-- RECORDS PROVIDED follows --

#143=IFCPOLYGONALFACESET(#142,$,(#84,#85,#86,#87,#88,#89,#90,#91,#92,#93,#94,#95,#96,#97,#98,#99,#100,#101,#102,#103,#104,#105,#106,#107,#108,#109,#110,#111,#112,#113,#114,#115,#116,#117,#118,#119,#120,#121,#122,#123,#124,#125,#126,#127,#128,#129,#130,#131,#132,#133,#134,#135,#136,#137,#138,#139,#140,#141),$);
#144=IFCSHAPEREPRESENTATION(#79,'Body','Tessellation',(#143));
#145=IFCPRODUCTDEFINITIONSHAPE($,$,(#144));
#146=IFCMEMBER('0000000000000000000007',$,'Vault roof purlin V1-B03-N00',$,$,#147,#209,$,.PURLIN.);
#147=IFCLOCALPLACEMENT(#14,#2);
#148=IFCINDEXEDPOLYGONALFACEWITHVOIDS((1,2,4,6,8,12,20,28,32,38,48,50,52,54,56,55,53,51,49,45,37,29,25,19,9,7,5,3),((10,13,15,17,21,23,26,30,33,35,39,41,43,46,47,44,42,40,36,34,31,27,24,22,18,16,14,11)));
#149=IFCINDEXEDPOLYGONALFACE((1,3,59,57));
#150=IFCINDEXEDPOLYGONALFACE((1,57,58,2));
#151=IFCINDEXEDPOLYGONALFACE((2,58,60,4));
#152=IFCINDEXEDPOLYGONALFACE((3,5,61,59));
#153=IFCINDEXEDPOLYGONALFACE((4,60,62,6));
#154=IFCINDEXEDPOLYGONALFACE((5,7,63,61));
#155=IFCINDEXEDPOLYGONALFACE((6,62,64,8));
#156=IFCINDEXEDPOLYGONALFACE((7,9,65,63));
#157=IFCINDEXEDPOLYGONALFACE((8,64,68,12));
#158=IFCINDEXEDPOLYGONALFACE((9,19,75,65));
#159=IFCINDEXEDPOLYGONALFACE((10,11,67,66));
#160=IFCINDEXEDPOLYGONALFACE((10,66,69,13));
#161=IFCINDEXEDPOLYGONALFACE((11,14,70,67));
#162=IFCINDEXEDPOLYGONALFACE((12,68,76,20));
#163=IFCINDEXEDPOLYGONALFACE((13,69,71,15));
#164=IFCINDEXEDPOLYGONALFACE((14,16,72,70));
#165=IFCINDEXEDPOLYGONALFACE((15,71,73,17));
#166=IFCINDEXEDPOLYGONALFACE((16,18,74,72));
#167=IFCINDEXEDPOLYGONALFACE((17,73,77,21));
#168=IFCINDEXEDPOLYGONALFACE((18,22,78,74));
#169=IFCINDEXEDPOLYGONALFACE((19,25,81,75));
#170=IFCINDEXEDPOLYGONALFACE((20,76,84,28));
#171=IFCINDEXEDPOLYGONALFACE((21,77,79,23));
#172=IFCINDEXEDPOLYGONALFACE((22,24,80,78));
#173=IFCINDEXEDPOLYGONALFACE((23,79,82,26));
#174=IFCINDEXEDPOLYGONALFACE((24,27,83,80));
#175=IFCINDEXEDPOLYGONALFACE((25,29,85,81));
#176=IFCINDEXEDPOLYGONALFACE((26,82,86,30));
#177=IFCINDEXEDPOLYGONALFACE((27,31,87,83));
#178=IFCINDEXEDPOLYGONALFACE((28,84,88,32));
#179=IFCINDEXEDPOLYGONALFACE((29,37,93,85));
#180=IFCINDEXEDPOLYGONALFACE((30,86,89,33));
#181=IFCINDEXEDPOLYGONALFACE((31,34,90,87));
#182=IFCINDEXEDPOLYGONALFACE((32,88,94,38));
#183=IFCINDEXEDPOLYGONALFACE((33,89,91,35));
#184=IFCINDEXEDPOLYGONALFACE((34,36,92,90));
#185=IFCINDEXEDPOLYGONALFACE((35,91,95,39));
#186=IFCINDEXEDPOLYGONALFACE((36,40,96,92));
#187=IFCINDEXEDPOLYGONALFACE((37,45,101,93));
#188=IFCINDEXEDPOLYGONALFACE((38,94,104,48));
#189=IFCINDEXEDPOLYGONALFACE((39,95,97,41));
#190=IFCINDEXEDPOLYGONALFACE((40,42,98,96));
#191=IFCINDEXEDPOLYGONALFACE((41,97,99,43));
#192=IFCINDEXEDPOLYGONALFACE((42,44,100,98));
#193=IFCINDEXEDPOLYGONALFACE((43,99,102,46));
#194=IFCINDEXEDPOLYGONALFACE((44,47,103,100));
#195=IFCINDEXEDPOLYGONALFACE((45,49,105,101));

-- RECORDS PROVIDED concluded --

> [PROBLEM STATEMENT]:
Everything from the first line of the material through the line containing "#177=IFCINDEXEDPOLYGONALFACE((27,31,87,83));" is to be printed exactly; lines after that are to be left out.

> [OUTPUT OF THE EXERCISE]:
#143=IFCPOLYGONALFACESET(#142,$,(#84,#85,#86,#87,#88,#89,#90,#91,#92,#93,#94,#95,#96,#97,#98,#99,#100,#101,#102,#103,#104,#105,#106,#107,#108,#109,#110,#111,#112,#113,#114,#115,#116,#117,#118,#119,#120,#121,#122,#123,#124,#125,#126,#127,#128,#129,#130,#131,#132,#133,#134,#135,#136,#137,#138,#139,#140,#141),$);
#144=IFCSHAPEREPRESENTATION(#79,'Body','Tessellation',(#143));
#145=IFCPRODUCTDEFINITIONSHAPE($,$,(#144));
#146=IFCMEMBER('0000000000000000000007',$,'Vault roof purlin V1-B03-N00',$,$,#147,#209,$,.PURLIN.);
#147=IFCLOCALPLACEMENT(#14,#2);
#148=IFCINDEXEDPOLYGONALFACEWITHVOIDS((1,2,4,6,8,12,20,28,32,38,48,50,52,54,56,55,53,51,49,45,37,29,25,19,9,7,5,3),((10,13,15,17,21,23,26,30,33,35,39,41,43,46,47,44,42,40,36,34,31,27,24,22,18,16,14,11)));
#149=IFCINDEXEDPOLYGONALFACE((1,3,59,57));
#150=IFCINDEXEDPOLYGONALFACE((1,57,58,2));
#151=IFCINDEXEDPOLYGONALFACE((2,58,60,4));
#152=IFCINDEXEDPOLYGONALFACE((3,5,61,59));
#153=IFCINDEXEDPOLYGONALFACE((4,60,62,6));
#154=IFCINDEXEDPOLYGONALFACE((5,7,63,61));
#155=IFCINDEXEDPOLYGONALFACE((6,62,64,8));
#156=IFCINDEXEDPOLYGONALFACE((7,9,65,63));
#157=IFCINDEXEDPOLYGONALFACE((8,64,68,12));
#158=IFCINDEXEDPOLYGONALFACE((9,19,75,65));
#159=IFCINDEXEDPOLYGONALFACE((10,11,67,66));
#160=IFCINDEXEDPOLYGONALFACE((10,66,69,13));
#161=IFCINDEXEDPOLYGONALFACE((11,14,70,67));
#162=IFCINDEXEDPOLYGONALFACE((12,68,76,20));
#163=IFCINDEXEDPOLYGONALFACE((13,69,71,15));
#164=IFCINDEXEDPOLYGONALFACE((14,16,72,70));
#165=IFCINDEXEDPOLYGONALFACE((15,71,73,17));
#166=IFCINDEXEDPOLYGONALFACE((16,18,74,72));
#167=IFCINDEXEDPOLYGONALFACE((17,73,77,21));
#168=IFCINDEXEDPOLYGONALFACE((18,22,78,74));
#169=IFCINDEXEDPOLYGONALFACE((19,25,81,75));
#170=IFCINDEXEDPOLYGONALFACE((20,76,84,28));
#171=IFCINDEXEDPOLYGONALFACE((21,77,79,23));
#172=IFCINDEXEDPOLYGONALFACE((22,24,80,78));
#173=IFCINDEXEDPOLYGONALFACE((23,79,82,26));
#174=IFCINDEXEDPOLYGONALFACE((24,27,83,80));
#175=IFCINDEXEDPOLYGONALFACE((25,29,85,81));
#176=IFCINDEXEDPOLYGONALFACE((26,82,86,30));
#177=IFCINDEXEDPOLYGONALFACE((27,31,87,83));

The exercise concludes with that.